## Supplied records

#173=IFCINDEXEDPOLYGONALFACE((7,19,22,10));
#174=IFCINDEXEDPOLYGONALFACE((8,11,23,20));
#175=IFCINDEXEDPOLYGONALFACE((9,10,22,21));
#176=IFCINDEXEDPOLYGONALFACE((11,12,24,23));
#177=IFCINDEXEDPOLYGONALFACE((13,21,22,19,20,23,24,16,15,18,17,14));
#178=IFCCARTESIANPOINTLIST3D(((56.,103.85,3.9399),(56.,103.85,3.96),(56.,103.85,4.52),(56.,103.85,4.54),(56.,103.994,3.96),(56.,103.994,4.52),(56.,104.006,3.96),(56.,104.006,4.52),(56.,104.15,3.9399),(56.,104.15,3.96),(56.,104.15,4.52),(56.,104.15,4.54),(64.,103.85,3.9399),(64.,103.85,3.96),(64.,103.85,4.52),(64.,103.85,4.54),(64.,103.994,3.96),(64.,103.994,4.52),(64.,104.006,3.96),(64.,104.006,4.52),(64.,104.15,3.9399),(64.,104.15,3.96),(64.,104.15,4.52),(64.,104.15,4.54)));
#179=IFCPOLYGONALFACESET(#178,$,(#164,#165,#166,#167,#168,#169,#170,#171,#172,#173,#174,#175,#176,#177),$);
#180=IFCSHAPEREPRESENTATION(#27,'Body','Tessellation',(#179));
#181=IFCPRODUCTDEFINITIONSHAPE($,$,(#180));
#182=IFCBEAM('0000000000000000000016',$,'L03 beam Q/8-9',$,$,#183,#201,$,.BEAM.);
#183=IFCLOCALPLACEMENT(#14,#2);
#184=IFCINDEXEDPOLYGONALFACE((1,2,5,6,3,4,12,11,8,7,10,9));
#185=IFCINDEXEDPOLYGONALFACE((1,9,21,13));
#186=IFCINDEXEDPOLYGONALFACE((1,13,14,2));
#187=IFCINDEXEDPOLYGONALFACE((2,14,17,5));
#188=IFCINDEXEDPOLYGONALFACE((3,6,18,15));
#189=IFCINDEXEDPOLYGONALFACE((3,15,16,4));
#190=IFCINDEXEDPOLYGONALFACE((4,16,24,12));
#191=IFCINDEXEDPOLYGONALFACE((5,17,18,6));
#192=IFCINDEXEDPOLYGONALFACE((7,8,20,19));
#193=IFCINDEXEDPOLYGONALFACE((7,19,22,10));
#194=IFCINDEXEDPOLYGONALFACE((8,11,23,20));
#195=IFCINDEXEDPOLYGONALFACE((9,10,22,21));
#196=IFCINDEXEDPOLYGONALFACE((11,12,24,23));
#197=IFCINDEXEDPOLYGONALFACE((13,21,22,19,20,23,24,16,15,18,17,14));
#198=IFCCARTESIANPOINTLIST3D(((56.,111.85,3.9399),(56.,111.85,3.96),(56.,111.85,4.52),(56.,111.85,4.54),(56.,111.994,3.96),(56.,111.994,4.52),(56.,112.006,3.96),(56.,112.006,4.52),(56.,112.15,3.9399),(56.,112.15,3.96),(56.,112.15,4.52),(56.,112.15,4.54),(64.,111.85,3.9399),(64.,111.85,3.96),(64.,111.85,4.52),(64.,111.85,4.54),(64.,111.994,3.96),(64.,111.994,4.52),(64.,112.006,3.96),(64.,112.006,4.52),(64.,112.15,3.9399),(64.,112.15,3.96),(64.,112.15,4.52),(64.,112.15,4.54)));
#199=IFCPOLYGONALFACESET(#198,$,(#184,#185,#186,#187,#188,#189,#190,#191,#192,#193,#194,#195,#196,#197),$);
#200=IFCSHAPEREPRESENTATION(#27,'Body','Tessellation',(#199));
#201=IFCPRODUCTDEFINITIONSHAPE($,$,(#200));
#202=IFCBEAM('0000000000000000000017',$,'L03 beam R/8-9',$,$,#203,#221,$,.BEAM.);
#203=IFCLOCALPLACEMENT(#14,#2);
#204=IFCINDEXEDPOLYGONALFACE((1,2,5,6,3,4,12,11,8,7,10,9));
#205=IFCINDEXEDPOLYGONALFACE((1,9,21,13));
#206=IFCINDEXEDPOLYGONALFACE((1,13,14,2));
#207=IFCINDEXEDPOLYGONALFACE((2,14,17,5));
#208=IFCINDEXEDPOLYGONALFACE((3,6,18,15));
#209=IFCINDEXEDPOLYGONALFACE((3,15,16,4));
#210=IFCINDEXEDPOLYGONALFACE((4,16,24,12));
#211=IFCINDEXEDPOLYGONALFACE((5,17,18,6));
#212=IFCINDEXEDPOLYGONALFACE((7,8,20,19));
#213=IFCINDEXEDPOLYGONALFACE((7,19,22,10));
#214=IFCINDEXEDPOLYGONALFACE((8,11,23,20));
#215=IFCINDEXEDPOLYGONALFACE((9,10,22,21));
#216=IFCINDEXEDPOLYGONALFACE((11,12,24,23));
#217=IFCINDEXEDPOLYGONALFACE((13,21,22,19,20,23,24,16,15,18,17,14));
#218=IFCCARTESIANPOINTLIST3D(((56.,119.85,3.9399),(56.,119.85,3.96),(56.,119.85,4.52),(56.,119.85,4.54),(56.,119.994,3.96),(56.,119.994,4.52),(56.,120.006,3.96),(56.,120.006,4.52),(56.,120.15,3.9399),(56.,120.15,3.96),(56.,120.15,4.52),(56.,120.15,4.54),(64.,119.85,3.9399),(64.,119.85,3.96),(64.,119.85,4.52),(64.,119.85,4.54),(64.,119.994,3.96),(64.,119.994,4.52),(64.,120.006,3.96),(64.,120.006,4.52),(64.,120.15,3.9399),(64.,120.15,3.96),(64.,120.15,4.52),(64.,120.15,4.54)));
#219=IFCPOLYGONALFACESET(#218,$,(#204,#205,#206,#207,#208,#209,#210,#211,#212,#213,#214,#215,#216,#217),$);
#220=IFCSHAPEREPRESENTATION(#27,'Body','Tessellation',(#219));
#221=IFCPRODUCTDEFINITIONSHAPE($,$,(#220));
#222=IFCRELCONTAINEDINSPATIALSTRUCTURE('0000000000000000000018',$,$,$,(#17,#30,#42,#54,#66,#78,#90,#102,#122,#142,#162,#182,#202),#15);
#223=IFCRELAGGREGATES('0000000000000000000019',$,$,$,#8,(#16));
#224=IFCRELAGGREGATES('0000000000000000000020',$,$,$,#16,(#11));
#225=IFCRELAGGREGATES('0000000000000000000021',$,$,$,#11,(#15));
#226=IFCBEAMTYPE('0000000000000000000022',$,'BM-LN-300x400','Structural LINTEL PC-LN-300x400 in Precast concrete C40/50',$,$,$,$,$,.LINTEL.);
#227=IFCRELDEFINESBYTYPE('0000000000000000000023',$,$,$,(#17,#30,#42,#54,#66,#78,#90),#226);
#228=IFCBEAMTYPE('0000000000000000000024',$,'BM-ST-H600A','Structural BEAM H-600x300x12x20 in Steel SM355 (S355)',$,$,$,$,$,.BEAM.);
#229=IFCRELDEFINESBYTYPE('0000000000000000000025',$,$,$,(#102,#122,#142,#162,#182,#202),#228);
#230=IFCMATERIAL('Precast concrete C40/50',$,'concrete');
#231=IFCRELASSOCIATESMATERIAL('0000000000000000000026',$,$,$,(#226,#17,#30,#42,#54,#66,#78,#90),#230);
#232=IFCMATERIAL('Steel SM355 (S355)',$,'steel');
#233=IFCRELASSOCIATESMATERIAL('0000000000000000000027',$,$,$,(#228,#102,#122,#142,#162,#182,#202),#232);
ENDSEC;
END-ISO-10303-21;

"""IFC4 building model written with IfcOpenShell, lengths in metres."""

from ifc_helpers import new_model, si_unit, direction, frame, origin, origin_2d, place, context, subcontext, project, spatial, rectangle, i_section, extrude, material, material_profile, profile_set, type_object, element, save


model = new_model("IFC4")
---
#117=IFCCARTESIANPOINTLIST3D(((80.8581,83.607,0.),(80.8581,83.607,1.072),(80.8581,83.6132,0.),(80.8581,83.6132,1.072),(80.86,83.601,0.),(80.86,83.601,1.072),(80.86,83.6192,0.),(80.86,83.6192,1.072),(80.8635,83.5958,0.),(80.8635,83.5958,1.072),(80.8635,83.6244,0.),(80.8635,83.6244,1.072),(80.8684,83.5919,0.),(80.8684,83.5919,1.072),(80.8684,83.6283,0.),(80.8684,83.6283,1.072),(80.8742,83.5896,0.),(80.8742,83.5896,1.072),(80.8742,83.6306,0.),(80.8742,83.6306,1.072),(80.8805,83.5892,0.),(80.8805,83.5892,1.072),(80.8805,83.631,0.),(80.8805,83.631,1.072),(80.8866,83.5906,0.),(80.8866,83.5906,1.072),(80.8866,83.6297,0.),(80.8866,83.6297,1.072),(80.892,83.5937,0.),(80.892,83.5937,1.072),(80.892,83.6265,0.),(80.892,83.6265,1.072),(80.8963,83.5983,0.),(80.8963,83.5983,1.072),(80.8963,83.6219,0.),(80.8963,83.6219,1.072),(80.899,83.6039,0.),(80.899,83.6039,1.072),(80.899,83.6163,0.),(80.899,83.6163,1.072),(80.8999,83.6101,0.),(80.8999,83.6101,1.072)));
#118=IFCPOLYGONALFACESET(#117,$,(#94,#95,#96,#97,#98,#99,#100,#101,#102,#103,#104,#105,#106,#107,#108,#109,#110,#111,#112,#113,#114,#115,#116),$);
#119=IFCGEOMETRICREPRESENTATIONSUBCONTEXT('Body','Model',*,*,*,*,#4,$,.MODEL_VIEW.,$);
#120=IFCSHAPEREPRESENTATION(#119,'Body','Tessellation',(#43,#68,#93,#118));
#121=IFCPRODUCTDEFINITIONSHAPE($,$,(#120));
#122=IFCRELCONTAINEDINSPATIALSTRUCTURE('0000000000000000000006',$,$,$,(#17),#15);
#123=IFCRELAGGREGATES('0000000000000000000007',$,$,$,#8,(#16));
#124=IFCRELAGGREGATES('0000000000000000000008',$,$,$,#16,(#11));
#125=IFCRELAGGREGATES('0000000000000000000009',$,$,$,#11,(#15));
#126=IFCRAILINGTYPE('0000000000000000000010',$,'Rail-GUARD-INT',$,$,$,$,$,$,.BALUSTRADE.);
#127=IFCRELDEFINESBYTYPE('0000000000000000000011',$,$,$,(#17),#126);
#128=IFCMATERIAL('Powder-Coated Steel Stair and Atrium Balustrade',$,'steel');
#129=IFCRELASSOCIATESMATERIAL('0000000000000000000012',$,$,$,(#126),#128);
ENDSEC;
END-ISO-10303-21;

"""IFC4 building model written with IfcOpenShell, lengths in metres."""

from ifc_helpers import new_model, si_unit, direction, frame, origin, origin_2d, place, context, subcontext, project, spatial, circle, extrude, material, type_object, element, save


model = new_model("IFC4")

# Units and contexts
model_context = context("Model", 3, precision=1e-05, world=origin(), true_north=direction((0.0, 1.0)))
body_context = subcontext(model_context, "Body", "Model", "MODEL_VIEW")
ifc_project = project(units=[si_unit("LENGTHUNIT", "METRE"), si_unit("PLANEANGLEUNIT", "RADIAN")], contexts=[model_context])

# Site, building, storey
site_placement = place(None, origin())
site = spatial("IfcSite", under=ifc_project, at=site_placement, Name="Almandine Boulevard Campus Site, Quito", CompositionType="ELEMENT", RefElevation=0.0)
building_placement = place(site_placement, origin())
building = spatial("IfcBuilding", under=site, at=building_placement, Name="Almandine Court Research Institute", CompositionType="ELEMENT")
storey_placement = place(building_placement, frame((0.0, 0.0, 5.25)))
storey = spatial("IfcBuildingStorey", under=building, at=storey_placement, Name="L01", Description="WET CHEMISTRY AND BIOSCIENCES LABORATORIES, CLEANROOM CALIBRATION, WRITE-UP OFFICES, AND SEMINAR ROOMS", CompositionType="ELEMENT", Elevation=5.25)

## What to do
Tally the lines of the data that contain the string "Body" and report the total alone.

## Task solution
6